> EXERCISE INSTRUCTIONS:
Find the line holding "#193=IFCINDEXEDPOLYGONALFACE((1,3,7,5));" in the entries below. Give it again exactly, along with every line after it up to and including the line holding "1300x900 perimeter column',$,$,$,$,$,$,.COLUMN.);".

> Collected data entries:
┌──

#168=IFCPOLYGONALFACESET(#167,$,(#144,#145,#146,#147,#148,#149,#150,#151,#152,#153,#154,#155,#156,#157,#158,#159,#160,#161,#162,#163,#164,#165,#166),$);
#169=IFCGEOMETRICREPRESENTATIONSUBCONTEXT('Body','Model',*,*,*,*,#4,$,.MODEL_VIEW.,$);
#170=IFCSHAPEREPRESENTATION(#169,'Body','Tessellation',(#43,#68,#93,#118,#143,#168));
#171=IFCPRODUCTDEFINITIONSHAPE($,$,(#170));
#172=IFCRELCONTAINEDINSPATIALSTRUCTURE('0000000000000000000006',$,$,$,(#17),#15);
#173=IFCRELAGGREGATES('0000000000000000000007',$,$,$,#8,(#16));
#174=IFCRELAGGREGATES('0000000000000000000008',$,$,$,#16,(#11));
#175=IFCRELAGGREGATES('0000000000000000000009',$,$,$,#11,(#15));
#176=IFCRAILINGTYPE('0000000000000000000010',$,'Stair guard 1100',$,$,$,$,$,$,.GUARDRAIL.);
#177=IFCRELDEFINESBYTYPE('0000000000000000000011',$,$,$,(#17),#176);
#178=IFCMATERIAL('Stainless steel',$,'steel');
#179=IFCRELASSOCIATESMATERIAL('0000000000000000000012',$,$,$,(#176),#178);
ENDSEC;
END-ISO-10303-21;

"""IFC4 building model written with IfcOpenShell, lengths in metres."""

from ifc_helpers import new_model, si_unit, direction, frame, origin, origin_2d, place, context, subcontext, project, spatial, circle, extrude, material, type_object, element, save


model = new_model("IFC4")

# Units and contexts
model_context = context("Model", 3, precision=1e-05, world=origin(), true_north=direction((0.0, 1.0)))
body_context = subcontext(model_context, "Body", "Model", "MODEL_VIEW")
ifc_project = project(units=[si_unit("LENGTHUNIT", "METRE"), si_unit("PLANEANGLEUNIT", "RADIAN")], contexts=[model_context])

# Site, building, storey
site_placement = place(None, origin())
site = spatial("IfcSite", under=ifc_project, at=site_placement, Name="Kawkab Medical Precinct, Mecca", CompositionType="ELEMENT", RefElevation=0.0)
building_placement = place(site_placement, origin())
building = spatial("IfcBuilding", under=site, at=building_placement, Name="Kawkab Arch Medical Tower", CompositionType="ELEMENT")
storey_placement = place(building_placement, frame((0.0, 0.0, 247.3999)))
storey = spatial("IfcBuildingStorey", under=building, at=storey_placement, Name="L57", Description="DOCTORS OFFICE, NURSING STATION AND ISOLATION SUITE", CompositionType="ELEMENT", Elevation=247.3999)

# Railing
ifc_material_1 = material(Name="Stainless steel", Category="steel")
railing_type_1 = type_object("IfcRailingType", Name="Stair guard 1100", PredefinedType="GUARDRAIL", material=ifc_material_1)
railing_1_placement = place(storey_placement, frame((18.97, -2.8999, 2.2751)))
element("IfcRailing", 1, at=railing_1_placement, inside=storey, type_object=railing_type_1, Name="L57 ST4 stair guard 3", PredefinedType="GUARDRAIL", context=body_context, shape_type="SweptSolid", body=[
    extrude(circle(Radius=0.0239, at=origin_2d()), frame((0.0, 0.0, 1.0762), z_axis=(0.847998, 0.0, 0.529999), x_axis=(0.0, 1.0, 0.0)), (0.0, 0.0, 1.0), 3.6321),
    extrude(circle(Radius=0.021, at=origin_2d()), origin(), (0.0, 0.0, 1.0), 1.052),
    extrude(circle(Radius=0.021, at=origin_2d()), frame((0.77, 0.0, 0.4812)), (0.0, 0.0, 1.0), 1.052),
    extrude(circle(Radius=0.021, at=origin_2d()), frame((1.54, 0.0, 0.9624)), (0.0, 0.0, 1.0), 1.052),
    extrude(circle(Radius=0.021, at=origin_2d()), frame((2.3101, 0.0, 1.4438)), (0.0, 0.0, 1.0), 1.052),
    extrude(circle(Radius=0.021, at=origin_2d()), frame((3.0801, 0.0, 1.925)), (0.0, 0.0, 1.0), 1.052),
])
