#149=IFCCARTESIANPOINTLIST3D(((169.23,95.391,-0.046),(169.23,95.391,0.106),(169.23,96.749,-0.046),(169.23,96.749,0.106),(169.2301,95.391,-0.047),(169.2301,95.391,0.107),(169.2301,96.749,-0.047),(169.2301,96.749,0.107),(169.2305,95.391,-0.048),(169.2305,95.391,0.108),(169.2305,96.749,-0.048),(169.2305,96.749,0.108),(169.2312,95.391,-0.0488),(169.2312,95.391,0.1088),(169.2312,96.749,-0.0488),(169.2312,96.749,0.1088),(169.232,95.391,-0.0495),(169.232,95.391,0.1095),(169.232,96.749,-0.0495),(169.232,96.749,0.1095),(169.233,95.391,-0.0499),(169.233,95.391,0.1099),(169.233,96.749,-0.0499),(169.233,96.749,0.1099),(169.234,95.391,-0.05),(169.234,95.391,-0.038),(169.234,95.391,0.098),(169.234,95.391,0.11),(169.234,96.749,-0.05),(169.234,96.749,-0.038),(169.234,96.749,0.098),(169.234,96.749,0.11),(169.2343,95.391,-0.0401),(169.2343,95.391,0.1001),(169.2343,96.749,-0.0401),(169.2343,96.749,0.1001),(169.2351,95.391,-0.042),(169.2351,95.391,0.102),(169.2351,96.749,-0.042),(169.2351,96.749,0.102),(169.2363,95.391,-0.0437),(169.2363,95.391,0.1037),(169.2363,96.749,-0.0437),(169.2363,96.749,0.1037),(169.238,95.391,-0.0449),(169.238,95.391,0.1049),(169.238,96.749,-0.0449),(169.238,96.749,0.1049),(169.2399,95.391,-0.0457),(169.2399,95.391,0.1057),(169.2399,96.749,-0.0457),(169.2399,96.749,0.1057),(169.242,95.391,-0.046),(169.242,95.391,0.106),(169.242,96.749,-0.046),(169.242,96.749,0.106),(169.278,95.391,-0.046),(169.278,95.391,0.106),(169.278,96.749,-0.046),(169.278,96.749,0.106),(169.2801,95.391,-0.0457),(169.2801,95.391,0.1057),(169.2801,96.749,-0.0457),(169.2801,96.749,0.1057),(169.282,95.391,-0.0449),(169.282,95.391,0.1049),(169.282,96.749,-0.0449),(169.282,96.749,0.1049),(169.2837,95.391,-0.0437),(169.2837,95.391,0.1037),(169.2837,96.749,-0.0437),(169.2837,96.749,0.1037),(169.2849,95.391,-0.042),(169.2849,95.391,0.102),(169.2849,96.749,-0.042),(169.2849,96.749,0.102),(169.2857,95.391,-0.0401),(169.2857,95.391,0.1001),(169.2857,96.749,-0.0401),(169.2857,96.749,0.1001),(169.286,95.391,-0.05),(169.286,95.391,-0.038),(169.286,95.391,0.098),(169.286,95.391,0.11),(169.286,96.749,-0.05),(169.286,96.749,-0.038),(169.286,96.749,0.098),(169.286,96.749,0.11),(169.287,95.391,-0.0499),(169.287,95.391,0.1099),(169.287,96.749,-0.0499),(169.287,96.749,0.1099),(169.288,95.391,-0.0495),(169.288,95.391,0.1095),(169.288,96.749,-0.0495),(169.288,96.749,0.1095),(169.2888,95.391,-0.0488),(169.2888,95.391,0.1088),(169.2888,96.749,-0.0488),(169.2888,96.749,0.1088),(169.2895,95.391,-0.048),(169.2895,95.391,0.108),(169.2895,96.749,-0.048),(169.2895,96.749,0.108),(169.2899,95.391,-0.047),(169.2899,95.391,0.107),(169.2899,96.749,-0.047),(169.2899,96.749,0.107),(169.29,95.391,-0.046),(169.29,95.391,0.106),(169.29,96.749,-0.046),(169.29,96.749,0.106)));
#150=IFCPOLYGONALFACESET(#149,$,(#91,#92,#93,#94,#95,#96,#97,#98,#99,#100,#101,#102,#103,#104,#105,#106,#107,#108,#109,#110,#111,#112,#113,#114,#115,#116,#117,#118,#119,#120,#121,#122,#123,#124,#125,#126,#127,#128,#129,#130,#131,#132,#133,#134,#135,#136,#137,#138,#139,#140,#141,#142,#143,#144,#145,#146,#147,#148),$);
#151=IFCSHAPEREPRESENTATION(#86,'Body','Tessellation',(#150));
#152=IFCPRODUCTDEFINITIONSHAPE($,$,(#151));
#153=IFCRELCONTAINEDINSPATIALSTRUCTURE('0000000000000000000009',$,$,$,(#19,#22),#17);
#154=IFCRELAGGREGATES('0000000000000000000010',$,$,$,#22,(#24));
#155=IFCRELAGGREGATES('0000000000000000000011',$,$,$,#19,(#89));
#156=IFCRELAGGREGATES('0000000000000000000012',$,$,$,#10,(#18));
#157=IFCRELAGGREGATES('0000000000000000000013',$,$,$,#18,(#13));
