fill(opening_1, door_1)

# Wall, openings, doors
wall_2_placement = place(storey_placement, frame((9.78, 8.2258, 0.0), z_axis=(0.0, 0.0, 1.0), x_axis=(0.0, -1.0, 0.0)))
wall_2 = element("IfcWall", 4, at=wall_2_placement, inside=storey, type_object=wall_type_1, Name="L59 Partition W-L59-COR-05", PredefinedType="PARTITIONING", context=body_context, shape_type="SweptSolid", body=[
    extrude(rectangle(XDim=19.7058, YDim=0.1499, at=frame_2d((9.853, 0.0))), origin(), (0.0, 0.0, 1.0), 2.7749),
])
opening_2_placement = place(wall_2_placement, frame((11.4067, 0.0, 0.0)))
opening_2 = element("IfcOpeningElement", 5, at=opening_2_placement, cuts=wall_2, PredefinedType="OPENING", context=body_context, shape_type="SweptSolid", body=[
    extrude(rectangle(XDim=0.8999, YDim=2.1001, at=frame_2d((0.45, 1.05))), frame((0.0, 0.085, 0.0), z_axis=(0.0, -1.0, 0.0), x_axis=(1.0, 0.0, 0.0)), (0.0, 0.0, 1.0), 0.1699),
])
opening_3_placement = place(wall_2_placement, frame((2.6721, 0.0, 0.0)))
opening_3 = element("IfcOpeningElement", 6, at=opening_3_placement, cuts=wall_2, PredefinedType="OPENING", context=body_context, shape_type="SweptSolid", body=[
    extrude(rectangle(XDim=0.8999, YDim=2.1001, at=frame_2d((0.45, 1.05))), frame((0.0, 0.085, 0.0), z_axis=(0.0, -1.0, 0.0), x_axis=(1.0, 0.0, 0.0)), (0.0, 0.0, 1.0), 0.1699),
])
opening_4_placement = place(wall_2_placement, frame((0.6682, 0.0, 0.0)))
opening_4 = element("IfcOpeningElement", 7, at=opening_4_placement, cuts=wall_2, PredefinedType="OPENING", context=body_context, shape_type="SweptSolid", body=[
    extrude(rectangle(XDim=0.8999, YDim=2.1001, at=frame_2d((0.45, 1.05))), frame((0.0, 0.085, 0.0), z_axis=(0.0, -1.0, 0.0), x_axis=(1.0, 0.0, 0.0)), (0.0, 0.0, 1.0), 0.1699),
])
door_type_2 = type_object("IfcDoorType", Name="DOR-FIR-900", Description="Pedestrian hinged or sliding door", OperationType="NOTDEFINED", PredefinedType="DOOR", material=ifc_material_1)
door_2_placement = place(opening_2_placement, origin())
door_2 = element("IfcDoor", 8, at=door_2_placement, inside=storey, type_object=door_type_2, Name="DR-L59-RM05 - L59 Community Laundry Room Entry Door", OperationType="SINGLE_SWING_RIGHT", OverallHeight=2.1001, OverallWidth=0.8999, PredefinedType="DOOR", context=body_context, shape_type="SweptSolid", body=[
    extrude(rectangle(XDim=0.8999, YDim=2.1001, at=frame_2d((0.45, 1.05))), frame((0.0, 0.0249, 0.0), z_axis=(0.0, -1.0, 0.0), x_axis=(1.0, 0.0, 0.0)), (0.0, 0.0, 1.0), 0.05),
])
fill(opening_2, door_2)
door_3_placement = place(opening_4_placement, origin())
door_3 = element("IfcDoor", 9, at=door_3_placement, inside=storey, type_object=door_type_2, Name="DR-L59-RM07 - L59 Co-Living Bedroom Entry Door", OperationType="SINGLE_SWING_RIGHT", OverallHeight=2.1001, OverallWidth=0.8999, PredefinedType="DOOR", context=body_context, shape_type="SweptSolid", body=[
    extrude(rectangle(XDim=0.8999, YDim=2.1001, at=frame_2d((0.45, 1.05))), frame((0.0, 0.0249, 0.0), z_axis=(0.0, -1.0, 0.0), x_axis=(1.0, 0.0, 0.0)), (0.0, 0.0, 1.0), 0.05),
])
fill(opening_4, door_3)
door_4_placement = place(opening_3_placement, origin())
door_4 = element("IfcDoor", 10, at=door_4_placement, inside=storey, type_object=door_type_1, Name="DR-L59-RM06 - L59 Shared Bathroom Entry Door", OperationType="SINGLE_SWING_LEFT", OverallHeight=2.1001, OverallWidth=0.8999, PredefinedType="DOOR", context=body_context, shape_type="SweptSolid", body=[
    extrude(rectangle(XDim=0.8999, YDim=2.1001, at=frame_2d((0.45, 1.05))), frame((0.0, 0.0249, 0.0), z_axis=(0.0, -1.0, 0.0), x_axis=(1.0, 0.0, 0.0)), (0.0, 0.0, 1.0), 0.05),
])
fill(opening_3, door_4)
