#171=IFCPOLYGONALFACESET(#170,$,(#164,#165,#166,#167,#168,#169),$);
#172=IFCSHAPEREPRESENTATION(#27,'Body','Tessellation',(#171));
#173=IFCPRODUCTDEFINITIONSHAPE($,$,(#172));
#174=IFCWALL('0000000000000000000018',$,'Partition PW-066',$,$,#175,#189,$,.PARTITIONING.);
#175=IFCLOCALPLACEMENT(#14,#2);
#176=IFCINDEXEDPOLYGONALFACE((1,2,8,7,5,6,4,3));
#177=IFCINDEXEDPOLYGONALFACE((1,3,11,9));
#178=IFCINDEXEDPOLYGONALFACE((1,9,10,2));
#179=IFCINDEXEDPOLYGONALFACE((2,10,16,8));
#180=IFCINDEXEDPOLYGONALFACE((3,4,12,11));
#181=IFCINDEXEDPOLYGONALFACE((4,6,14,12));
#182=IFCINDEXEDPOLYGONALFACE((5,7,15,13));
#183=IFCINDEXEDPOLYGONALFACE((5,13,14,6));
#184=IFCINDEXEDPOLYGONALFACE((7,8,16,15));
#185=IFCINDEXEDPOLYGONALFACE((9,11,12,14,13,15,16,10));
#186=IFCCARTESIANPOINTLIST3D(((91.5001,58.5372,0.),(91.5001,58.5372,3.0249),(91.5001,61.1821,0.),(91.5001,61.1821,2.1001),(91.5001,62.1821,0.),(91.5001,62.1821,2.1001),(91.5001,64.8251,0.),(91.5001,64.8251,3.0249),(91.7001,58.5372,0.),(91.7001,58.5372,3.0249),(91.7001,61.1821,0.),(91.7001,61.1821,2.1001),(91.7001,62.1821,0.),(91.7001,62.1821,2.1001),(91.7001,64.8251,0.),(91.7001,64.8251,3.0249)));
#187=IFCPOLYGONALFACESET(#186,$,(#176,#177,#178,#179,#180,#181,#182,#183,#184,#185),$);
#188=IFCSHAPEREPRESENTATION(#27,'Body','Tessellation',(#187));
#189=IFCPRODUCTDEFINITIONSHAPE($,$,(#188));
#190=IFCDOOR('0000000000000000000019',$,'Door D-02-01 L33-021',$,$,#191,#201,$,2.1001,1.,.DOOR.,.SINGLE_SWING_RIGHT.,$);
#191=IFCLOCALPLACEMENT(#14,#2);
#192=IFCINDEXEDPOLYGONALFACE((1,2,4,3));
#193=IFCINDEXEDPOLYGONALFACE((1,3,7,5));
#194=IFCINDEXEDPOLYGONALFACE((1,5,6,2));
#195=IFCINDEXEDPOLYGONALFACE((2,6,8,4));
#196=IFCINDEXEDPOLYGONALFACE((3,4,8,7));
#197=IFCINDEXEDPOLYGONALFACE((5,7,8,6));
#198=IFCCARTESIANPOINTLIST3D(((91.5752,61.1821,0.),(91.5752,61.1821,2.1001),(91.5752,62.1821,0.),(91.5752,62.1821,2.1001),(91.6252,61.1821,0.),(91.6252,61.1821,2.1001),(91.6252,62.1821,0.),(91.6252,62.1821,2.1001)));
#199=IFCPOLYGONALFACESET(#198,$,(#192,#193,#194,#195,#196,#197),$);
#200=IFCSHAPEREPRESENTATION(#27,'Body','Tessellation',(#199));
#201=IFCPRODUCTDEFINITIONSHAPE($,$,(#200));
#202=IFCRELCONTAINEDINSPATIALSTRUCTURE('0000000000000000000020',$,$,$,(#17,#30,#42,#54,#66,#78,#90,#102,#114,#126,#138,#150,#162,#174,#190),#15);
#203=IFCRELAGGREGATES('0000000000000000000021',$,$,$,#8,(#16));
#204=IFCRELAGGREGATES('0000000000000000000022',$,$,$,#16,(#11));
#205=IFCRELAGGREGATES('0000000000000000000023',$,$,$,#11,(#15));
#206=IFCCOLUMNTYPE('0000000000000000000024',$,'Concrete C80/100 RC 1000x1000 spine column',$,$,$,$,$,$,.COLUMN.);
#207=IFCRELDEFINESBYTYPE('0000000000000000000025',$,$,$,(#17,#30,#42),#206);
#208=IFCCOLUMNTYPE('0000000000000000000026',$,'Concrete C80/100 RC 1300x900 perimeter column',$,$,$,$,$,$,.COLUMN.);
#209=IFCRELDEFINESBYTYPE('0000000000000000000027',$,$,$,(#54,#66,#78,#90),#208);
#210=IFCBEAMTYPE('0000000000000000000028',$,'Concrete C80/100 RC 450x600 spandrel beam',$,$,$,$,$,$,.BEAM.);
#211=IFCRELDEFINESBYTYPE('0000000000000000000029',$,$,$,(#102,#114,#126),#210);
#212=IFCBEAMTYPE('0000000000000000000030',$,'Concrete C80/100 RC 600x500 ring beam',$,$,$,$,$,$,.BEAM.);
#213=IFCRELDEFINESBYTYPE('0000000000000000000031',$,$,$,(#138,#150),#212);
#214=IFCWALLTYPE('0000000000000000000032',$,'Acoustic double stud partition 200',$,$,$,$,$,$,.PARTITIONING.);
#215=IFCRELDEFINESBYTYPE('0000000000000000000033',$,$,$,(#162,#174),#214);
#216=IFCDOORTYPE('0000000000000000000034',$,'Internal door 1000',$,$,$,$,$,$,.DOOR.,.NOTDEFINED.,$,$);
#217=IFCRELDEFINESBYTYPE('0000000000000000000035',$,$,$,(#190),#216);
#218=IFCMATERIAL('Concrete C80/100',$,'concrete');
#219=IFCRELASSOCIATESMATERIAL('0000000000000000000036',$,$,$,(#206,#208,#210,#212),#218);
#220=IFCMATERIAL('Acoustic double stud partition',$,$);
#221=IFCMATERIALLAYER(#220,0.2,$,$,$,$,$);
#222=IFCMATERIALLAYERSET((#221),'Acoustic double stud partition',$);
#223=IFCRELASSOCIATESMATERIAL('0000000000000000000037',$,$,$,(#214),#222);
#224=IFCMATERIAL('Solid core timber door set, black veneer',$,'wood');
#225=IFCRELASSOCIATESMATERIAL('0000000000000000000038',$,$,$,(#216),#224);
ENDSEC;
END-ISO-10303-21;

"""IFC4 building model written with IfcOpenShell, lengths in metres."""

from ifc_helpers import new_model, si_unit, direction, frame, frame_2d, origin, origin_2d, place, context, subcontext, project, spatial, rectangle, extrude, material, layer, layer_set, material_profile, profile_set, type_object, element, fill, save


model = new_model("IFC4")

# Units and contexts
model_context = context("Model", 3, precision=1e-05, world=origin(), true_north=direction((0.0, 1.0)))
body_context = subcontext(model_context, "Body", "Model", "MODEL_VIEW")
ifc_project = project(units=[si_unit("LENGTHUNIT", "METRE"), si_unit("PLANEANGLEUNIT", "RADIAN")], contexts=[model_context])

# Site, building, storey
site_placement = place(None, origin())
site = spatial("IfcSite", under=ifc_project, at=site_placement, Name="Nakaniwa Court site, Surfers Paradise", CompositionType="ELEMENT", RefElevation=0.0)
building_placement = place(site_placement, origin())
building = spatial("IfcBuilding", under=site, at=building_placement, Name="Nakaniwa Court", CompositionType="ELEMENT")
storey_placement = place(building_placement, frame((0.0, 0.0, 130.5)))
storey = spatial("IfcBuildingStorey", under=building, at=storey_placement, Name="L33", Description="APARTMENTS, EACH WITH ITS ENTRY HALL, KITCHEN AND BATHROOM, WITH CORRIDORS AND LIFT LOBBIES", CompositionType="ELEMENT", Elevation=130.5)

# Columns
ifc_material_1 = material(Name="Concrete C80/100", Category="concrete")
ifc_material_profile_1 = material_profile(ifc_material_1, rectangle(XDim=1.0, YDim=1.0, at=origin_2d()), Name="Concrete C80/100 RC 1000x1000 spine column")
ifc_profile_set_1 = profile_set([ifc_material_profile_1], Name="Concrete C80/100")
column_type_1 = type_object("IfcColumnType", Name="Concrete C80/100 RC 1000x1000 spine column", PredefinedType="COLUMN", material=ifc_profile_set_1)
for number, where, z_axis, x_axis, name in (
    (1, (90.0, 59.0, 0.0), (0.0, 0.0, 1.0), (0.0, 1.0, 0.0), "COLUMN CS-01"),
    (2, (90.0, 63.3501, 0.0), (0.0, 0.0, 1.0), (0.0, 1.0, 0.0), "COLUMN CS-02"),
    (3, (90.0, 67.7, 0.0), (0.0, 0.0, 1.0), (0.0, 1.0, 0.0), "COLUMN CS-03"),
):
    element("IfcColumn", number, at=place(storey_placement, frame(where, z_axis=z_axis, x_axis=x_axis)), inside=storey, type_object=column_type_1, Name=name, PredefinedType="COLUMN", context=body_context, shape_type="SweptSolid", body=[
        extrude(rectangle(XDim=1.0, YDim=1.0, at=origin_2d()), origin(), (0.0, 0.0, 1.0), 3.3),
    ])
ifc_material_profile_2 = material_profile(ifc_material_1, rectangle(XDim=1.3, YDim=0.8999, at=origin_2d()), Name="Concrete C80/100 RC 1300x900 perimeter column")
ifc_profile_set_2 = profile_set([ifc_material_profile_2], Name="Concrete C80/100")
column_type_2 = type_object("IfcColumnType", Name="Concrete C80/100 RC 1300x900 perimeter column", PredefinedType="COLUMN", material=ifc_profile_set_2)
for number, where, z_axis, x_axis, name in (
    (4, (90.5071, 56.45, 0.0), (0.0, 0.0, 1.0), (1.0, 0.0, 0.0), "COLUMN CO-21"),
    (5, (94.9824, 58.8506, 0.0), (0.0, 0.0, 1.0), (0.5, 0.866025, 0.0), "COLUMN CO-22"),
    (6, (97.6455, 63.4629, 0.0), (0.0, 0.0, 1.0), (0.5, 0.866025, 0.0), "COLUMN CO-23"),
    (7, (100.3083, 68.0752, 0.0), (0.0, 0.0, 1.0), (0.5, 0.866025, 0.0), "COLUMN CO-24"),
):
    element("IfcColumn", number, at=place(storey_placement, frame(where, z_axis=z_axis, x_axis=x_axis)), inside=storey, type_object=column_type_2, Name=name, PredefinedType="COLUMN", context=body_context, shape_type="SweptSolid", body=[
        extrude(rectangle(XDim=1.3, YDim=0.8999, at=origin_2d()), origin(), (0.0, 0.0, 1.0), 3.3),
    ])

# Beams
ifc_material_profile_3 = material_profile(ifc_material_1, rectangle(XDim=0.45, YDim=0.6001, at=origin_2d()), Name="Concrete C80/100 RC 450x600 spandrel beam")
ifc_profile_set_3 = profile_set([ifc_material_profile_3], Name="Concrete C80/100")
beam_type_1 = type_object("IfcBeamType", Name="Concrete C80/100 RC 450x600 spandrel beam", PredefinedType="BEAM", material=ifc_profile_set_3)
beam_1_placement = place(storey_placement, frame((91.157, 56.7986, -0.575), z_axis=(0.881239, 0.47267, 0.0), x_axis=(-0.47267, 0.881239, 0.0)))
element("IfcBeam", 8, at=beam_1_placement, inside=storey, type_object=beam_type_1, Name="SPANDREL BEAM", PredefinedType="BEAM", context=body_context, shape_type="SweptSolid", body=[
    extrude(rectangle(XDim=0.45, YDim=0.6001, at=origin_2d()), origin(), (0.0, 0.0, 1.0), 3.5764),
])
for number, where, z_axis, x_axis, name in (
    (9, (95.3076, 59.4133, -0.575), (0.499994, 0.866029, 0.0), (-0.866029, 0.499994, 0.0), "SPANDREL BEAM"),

└──

> EXPECTED ANSWER:
#193=IFCINDEXEDPOLYGONALFACE((1,3,7,5));
#194=IFCINDEXEDPOLYGONALFACE((1,5,6,2));
#195=IFCINDEXEDPOLYGONALFACE((2,6,8,4));
#196=IFCINDEXEDPOLYGONALFACE((3,4,8,7));
#197=IFCINDEXEDPOLYGONALFACE((5,7,8,6));
#198=IFCCARTESIANPOINTLIST3D(((91.5752,61.1821,0.),(91.5752,61.1821,2.1001),(91.5752,62.1821,0.),(91.5752,62.1821,2.1001),(91.6252,61.1821,0.),(91.6252,61.1821,2.1001),(91.6252,62.1821,0.),(91.6252,62.1821,2.1001)));
#199=IFCPOLYGONALFACESET(#198,$,(#192,#193,#194,#195,#196,#197),$);
#200=IFCSHAPEREPRESENTATION(#27,'Body','Tessellation',(#199));
#201=IFCPRODUCTDEFINITIONSHAPE($,$,(#200));
#202=IFCRELCONTAINEDINSPATIALSTRUCTURE('0000000000000000000020',$,$,$,(#17,#30,#42,#54,#66,#78,#90,#102,#114,#126,#138,#150,#162,#174,#190),#15);
#203=IFCRELAGGREGATES('0000000000000000000021',$,$,$,#8,(#16));
#204=IFCRELAGGREGATES('0000000000000000000022',$,$,$,#16,(#11));
#205=IFCRELAGGREGATES('0000000000000000000023',$,$,$,#11,(#15));
#206=IFCCOLUMNTYPE('0000000000000000000024',$,'Concrete C80/100 RC 1000x1000 spine column',$,$,$,$,$,$,.COLUMN.);
#207=IFCRELDEFINESBYTYPE('0000000000000000000025',$,$,$,(#17,#30,#42),#206);
#208=IFCCOLUMNTYPE('0000000000000000000026',$,'Concrete C80/100 RC 1300x900 perimeter column',$,$,$,$,$,$,.COLUMN.);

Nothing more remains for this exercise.